◆ **What you have to do**
Copy each entry below exactly.
=== Dataset entries ===
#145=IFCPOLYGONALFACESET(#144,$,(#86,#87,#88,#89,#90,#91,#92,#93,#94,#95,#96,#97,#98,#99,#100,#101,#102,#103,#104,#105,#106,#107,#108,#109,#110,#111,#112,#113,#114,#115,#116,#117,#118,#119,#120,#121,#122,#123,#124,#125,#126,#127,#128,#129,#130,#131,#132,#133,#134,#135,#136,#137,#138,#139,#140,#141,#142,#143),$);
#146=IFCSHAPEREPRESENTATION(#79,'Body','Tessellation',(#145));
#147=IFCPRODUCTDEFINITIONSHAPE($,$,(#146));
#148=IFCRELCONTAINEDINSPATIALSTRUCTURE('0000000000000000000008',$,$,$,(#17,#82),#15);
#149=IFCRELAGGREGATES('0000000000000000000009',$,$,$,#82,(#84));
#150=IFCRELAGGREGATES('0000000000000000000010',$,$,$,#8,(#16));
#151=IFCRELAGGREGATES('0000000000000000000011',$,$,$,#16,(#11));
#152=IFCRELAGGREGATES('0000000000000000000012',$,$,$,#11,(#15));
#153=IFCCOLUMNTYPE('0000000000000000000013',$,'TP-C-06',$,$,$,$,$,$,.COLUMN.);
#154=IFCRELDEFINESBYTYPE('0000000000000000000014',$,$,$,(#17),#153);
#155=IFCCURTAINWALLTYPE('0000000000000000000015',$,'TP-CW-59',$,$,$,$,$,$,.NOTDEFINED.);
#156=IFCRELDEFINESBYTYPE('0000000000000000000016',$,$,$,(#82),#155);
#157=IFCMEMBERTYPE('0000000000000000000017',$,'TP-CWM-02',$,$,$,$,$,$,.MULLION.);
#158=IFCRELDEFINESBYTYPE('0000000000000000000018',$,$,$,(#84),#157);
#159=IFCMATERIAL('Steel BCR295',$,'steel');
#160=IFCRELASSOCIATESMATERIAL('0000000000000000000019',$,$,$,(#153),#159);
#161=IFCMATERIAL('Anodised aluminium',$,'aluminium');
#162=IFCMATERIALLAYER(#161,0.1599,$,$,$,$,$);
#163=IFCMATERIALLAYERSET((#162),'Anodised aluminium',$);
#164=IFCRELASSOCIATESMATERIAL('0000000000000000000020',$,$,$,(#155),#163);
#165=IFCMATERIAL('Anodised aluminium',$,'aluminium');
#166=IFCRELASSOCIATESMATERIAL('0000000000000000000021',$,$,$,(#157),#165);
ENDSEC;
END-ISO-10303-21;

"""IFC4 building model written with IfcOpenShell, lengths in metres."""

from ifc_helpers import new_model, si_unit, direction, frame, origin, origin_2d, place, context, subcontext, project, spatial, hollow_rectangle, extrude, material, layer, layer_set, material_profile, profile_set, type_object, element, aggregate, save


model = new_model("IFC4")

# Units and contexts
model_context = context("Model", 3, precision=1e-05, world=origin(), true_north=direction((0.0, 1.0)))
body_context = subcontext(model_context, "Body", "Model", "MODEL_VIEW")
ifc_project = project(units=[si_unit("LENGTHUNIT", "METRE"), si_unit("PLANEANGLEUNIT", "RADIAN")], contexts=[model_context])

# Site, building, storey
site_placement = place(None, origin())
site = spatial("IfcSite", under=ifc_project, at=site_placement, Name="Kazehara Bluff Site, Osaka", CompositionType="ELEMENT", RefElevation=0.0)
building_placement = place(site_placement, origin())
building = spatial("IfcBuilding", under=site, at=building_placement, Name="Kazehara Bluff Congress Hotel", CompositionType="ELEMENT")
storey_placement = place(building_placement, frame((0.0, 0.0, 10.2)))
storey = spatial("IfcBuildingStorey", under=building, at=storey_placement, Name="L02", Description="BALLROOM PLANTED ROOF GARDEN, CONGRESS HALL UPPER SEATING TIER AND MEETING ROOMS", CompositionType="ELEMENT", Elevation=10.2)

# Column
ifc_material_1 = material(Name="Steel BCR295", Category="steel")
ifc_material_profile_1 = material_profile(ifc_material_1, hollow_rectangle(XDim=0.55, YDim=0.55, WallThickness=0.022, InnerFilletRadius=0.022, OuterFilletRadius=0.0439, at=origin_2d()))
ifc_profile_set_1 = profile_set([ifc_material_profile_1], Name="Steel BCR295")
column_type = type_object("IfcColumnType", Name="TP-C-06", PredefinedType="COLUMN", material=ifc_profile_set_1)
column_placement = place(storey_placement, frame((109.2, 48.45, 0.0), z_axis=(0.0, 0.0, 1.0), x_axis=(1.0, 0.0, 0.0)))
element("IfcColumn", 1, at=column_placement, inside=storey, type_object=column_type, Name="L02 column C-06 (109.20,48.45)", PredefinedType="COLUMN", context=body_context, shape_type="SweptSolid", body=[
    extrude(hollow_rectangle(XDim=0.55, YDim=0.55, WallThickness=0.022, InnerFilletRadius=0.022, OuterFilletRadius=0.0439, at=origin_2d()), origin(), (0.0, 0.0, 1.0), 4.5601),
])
===
◆ **Reply to the task**
#145=IFCPOLYGONALFACESET(#144,$,(#86,#87,#88,#89,#90,#91,#92,#93,#94,#95,#96,#97,#98,#99,#100,#101,#102,#103,#104,#105,#106,#107,#108,#109,#110,#111,#112,#113,#114,#115,#116,#117,#118,#119,#120,#121,#122,#123,#124,#125,#126,#127,#128,#129,#130,#131,#132,#133,#134,#135,#136,#137,#138,#139,#140,#141,#142,#143),$);
#146=IFCSHAPEREPRESENTATION(#79,'Body','Tessellation',(#145));
#147=IFCPRODUCTDEFINITIONSHAPE($,$,(#146));
#148=IFCRELCONTAINEDINSPATIALSTRUCTURE('0000000000000000000008',$,$,$,(#17,#82),#15);
#149=IFCRELAGGREGATES('0000000000000000000009',$,$,$,#82,(#84));
#150=IFCRELAGGREGATES('0000000000000000000010',$,$,$,#8,(#16));
#151=IFCRELAGGREGATES('0000000000000000000011',$,$,$,#16,(#11));
#152=IFCRELAGGREGATES('0000000000000000000012',$,$,$,#11,(#15));
#153=IFCCOLUMNTYPE('0000000000000000000013',$,'TP-C-06',$,$,$,$,$,$,.COLUMN.);
#154=IFCRELDEFINESBYTYPE('0000000000000000000014',$,$,$,(#17),#153);
#155=IFCCURTAINWALLTYPE('0000000000000000000015',$,'TP-CW-59',$,$,$,$,$,$,.NOTDEFINED.);
#156=IFCRELDEFINESBYTYPE('0000000000000000000016',$,$,$,(#82),#155);
#157=IFCMEMBERTYPE('0000000000000000000017',$,'TP-CWM-02',$,$,$,$,$,$,.MULLION.);
#158=IFCRELDEFINESBYTYPE('0000000000000000000018',$,$,$,(#84),#157);
#159=IFCMATERIAL('Steel BCR295',$,'steel');
#160=IFCRELASSOCIATESMATERIAL('0000000000000000000019',$,$,$,(#153),#159);
#161=IFCMATERIAL('Anodised aluminium',$,'aluminium');
#162=IFCMATERIALLAYER(#161,0.1599,$,$,$,$,$);
#163=IFCMATERIALLAYERSET((#162),'Anodised aluminium',$);
#164=IFCRELASSOCIATESMATERIAL('0000000000000000000020',$,$,$,(#155),#163);
#165=IFCMATERIAL('Anodised aluminium',$,'aluminium');
#166=IFCRELASSOCIATESMATERIAL('0000000000000000000021',$,$,$,(#157),#165);
ENDSEC;
END-ISO-10303-21;

"""IFC4 building model written with IfcOpenShell, lengths in metres."""

from ifc_helpers import new_model, si_unit, direction, frame, origin, origin_2d, place, context, subcontext, project, spatial, hollow_rectangle, extrude, material, layer, layer_set, material_profile, profile_set, type_object, element, aggregate, save


model = new_model("IFC4")

# Units and contexts
model_context = context("Model", 3, precision=1e-05, world=origin(), true_north=direction((0.0, 1.0)))
body_context = subcontext(model_context, "Body", "Model", "MODEL_VIEW")
ifc_project = project(units=[si_unit("LENGTHUNIT", "METRE"), si_unit("PLANEANGLEUNIT", "RADIAN")], contexts=[model_context])

# Site, building, storey
site_placement = place(None, origin())
site = spatial("IfcSite", under=ifc_project, at=site_placement, Name="Kazehara Bluff Site, Osaka", CompositionType="ELEMENT", RefElevation=0.0)
building_placement = place(site_placement, origin())
building = spatial("IfcBuilding", under=site, at=building_placement, Name="Kazehara Bluff Congress Hotel", CompositionType="ELEMENT")
storey_placement = place(building_placement, frame((0.0, 0.0, 10.2)))
storey = spatial("IfcBuildingStorey", under=building, at=storey_placement, Name="L02", Description="BALLROOM PLANTED ROOF GARDEN, CONGRESS HALL UPPER SEATING TIER AND MEETING ROOMS", CompositionType="ELEMENT", Elevation=10.2)

# Column
ifc_material_1 = material(Name="Steel BCR295", Category="steel")
ifc_material_profile_1 = material_profile(ifc_material_1, hollow_rectangle(XDim=0.55, YDim=0.55, WallThickness=0.022, InnerFilletRadius=0.022, OuterFilletRadius=0.0439, at=origin_2d()))
ifc_profile_set_1 = profile_set([ifc_material_profile_1], Name="Steel BCR295")
column_type = type_object("IfcColumnType", Name="TP-C-06", PredefinedType="COLUMN", material=ifc_profile_set_1)
column_placement = place(storey_placement, frame((109.2, 48.45, 0.0), z_axis=(0.0, 0.0, 1.0), x_axis=(1.0, 0.0, 0.0)))
element("IfcColumn", 1, at=column_placement, inside=storey, type_object=column_type, Name="L02 column C-06 (109.20,48.45)", PredefinedType="COLUMN", context=body_context, shape_type="SweptSolid", body=[
    extrude(hollow_rectangle(XDim=0.55, YDim=0.55, WallThickness=0.022, InnerFilletRadius=0.022, OuterFilletRadius=0.0439, at=origin_2d()), origin(), (0.0, 0.0, 1.0), 4.5601),
])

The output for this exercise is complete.